> Records shown
···

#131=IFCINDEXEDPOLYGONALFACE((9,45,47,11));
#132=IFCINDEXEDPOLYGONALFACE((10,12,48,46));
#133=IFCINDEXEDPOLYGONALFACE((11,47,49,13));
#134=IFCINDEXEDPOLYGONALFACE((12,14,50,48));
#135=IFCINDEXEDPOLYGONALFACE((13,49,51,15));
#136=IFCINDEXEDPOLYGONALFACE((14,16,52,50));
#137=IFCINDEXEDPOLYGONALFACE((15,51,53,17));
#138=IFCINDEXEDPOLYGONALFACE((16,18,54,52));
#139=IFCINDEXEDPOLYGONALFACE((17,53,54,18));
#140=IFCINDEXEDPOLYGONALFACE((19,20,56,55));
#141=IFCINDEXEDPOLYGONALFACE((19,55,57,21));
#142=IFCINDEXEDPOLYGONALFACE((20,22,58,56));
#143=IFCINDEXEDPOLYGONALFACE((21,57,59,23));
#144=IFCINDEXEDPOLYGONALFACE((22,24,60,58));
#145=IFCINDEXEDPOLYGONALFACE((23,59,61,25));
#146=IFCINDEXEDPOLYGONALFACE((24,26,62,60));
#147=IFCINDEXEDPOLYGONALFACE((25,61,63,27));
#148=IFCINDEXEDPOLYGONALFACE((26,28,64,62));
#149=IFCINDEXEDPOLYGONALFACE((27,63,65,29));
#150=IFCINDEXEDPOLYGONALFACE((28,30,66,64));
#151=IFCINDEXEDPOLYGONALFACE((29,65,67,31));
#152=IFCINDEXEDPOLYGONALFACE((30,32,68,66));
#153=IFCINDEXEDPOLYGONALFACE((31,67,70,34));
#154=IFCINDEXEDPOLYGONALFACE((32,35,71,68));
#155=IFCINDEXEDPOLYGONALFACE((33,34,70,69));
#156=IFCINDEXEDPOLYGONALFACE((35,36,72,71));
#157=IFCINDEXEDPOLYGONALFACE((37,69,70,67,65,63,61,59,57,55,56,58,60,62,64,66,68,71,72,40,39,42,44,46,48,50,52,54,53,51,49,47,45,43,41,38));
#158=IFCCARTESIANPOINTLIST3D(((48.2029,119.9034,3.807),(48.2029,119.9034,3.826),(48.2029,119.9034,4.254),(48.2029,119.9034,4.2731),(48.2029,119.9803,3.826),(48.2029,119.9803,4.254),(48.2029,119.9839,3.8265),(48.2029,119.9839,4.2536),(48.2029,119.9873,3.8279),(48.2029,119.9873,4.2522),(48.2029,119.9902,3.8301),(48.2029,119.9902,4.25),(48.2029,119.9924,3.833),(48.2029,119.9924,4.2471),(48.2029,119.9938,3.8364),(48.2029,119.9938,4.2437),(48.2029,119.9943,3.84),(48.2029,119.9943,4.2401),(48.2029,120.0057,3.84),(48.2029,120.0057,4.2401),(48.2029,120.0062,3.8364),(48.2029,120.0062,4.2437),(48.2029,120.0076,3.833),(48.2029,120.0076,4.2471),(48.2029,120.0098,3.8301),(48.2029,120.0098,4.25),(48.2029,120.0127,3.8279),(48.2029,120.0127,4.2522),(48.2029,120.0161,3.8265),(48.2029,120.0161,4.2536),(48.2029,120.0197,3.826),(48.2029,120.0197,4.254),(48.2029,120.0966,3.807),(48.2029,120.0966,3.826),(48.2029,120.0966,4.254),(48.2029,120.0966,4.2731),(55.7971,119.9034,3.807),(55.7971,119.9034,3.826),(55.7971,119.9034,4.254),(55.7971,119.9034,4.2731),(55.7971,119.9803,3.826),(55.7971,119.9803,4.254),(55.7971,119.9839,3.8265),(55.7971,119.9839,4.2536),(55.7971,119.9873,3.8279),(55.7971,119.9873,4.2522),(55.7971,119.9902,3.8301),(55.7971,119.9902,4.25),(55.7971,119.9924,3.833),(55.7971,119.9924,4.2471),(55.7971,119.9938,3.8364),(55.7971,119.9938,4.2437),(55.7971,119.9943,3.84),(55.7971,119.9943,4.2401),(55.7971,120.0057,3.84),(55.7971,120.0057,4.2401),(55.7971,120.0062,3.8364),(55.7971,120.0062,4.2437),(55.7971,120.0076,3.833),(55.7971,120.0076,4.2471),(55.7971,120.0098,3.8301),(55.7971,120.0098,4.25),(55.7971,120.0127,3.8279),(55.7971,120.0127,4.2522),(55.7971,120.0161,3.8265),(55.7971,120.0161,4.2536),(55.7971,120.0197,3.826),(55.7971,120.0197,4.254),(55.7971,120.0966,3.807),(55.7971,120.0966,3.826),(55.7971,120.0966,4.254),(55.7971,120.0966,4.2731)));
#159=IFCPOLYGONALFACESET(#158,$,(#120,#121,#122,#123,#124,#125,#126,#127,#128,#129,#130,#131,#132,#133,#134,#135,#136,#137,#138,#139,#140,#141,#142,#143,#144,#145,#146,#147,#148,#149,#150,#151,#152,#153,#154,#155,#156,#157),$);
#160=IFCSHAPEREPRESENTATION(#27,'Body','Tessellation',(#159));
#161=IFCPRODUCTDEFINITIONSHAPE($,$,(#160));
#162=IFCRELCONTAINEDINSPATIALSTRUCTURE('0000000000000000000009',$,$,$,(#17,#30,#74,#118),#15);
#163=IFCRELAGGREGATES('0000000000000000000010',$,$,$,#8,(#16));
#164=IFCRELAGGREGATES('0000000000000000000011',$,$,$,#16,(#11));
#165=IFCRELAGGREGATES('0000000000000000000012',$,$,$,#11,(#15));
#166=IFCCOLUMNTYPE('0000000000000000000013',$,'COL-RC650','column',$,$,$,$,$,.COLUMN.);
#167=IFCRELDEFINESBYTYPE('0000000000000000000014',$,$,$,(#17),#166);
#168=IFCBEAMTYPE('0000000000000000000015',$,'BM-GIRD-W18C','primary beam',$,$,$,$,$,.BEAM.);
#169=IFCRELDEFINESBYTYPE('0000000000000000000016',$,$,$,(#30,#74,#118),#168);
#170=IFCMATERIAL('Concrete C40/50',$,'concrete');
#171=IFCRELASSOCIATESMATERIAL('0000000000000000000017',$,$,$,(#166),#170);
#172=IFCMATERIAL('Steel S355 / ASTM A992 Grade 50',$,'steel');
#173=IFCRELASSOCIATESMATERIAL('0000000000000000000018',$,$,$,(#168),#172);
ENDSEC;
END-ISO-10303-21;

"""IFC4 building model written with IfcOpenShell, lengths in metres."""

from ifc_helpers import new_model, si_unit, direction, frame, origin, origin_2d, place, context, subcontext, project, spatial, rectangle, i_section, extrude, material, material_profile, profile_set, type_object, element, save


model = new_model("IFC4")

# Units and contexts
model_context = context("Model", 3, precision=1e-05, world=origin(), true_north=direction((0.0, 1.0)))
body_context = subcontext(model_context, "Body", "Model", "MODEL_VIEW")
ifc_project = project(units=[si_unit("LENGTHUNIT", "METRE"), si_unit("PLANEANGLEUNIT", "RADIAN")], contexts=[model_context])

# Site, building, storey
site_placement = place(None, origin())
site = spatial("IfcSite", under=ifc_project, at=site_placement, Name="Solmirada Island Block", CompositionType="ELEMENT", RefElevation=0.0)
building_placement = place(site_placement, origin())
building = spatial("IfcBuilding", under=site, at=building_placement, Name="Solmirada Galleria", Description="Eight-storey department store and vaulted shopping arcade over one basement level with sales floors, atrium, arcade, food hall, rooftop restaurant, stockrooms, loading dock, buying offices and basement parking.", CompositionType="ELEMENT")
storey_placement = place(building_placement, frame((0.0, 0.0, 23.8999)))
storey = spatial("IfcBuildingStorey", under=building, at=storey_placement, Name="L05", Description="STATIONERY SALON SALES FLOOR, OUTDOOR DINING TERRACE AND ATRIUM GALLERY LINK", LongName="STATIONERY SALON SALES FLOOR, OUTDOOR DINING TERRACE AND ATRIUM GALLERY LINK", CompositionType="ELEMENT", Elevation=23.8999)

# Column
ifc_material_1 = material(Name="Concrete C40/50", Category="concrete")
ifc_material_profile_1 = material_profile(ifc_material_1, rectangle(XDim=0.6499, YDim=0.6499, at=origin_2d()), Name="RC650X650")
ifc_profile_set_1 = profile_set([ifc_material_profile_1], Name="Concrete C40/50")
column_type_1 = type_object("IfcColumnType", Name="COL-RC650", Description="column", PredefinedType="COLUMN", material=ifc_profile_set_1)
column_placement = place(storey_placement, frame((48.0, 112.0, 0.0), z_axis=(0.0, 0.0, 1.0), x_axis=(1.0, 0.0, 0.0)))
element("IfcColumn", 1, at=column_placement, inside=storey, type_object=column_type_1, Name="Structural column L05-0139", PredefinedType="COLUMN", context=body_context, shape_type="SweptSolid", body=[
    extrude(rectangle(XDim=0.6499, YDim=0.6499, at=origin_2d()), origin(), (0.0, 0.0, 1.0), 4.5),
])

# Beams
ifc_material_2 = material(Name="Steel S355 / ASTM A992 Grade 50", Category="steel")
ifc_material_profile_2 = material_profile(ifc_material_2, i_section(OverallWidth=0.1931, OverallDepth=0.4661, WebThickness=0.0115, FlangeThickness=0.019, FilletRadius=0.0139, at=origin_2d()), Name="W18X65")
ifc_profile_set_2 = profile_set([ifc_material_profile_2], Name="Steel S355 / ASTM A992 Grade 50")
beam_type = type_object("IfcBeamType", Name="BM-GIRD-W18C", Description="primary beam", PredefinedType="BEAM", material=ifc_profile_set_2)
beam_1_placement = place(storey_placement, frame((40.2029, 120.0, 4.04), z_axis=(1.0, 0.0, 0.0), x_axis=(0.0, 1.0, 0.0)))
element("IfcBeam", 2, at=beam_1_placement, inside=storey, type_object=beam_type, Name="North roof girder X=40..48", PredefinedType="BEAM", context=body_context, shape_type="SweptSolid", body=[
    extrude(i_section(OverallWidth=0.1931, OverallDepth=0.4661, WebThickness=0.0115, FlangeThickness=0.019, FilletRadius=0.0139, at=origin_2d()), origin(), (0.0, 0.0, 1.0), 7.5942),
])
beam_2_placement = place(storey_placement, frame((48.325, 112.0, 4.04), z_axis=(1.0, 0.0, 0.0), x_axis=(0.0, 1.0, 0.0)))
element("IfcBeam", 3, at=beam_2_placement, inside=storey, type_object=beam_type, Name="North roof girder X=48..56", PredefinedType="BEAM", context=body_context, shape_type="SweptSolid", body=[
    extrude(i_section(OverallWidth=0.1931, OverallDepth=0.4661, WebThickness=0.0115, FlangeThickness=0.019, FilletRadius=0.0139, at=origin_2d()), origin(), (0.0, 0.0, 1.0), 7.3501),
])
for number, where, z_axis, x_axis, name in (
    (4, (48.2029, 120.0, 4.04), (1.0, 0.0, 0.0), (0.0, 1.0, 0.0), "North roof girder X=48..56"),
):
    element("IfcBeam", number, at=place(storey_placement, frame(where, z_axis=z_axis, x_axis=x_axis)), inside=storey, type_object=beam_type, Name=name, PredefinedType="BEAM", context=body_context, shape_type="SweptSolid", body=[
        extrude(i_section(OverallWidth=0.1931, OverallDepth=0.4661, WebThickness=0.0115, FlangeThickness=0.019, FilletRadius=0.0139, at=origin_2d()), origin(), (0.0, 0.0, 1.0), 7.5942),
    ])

···

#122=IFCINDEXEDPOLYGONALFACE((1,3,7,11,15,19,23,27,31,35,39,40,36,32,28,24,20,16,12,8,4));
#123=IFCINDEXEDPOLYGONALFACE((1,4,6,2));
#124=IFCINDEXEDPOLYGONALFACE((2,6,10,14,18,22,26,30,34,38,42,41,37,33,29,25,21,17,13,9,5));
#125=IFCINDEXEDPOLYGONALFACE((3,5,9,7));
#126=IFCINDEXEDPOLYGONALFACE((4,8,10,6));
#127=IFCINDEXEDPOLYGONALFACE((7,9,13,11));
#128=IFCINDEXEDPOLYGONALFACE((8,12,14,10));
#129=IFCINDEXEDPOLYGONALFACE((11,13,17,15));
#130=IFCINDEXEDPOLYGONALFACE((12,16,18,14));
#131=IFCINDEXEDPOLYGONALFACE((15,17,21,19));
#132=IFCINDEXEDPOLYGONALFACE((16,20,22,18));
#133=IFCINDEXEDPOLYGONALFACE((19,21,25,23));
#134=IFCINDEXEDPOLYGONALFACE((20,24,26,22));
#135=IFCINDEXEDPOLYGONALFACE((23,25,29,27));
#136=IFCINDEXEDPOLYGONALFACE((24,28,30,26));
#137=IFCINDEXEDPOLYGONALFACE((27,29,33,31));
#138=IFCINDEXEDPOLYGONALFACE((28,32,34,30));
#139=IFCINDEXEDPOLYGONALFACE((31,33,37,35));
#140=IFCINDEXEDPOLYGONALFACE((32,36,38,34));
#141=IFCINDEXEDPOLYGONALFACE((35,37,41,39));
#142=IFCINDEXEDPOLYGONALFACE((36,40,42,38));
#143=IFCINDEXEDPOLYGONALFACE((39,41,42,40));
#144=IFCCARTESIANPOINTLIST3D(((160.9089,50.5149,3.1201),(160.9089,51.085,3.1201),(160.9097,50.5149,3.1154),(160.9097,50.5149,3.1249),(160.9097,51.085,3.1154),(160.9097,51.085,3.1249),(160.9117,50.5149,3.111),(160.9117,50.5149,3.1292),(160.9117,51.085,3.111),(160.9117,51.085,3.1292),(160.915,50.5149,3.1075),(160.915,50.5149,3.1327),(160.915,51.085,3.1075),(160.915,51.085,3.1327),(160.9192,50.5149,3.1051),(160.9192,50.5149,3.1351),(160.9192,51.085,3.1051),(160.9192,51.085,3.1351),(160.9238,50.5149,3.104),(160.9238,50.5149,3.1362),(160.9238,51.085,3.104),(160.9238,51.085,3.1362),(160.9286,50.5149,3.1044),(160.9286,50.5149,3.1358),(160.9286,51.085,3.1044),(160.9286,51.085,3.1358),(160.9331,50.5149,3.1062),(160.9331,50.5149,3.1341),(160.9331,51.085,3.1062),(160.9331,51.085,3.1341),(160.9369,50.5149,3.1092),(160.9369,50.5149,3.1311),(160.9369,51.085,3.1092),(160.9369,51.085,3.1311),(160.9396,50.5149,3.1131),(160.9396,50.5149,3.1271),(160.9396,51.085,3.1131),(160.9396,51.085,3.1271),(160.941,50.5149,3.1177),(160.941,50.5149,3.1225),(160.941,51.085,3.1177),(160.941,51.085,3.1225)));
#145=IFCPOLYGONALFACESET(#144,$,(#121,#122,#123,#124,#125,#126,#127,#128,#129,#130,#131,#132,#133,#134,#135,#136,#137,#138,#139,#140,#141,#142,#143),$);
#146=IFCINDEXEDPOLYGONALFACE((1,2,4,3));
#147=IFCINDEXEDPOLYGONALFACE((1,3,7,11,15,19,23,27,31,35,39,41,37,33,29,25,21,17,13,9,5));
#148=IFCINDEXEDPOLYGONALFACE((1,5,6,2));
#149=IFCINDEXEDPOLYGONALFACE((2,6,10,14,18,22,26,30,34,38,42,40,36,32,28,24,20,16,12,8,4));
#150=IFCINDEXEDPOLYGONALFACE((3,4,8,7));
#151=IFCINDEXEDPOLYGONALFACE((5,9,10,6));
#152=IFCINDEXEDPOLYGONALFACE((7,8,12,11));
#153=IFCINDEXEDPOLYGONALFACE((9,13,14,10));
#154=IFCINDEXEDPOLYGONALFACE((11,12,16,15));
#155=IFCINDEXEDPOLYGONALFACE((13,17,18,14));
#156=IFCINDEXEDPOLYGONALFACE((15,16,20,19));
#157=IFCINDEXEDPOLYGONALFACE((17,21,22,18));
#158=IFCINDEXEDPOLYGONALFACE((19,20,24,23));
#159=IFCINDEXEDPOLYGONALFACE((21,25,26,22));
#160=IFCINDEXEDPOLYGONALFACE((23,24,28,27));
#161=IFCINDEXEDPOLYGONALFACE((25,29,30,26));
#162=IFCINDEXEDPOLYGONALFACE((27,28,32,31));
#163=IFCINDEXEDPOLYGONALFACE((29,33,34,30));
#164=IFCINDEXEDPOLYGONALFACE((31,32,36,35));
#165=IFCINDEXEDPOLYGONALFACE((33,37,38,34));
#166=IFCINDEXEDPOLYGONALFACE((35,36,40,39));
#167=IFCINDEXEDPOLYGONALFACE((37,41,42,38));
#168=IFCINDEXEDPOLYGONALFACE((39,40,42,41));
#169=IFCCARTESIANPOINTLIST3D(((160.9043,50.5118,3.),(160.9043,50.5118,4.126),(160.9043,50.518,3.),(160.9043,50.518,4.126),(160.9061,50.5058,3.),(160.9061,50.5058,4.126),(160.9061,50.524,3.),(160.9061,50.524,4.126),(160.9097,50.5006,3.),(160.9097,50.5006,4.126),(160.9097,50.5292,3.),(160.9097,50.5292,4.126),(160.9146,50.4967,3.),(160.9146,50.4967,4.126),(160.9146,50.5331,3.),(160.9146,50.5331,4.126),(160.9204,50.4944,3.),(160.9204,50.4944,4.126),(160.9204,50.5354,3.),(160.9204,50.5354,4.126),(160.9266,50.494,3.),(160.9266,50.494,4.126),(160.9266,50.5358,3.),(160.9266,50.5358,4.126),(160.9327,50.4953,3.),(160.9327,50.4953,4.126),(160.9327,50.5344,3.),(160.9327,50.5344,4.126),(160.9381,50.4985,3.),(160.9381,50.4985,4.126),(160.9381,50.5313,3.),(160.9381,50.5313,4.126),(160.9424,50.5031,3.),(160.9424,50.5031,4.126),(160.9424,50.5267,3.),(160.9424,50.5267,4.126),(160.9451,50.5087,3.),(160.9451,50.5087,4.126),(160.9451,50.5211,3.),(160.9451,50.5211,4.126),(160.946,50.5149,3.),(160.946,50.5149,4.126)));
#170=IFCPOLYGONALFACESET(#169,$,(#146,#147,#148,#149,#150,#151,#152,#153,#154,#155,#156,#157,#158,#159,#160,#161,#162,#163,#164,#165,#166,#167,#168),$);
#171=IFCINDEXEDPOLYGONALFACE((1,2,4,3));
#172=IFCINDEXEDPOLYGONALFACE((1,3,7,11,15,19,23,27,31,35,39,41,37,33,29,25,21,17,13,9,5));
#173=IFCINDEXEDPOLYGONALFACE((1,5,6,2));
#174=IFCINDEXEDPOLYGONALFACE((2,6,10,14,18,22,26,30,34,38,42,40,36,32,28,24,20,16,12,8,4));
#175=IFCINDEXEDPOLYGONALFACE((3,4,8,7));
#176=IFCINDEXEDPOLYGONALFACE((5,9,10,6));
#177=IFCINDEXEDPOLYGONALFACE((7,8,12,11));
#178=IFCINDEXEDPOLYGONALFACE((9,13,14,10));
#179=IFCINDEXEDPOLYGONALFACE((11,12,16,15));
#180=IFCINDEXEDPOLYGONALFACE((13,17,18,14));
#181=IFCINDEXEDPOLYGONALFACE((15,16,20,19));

···

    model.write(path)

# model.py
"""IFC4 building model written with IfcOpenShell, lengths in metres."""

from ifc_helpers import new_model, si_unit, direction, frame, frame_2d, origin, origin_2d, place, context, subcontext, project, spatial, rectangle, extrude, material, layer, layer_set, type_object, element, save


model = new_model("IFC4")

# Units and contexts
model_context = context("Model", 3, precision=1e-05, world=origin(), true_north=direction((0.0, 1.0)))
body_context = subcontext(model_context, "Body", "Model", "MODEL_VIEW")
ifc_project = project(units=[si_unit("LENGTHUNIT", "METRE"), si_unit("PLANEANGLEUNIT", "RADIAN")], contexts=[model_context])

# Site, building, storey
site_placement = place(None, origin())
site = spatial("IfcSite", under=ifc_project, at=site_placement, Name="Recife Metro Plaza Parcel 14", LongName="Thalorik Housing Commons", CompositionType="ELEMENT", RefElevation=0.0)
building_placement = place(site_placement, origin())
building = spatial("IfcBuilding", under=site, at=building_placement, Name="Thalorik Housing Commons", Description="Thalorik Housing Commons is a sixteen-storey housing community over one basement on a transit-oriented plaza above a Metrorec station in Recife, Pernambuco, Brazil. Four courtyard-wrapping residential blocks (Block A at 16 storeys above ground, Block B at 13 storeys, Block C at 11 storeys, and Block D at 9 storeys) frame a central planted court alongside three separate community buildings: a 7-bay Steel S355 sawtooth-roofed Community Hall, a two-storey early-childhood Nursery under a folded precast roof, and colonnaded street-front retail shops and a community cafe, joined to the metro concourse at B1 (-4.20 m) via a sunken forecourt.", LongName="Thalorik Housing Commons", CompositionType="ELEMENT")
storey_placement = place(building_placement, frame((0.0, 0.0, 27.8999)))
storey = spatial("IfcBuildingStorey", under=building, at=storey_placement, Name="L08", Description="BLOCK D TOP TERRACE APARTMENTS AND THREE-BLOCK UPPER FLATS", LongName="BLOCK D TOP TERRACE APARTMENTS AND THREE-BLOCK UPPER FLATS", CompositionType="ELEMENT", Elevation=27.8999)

···

> Problem to work on
Find the string "IFCMATERIAL" in the listing and copy every line in which it occurs.

> Response for this exercise
#170=IFCMATERIAL('Concrete C40/50',$,'concrete');
#172=IFCMATERIAL('Steel S355 / ASTM A992 Grade 50',$,'steel');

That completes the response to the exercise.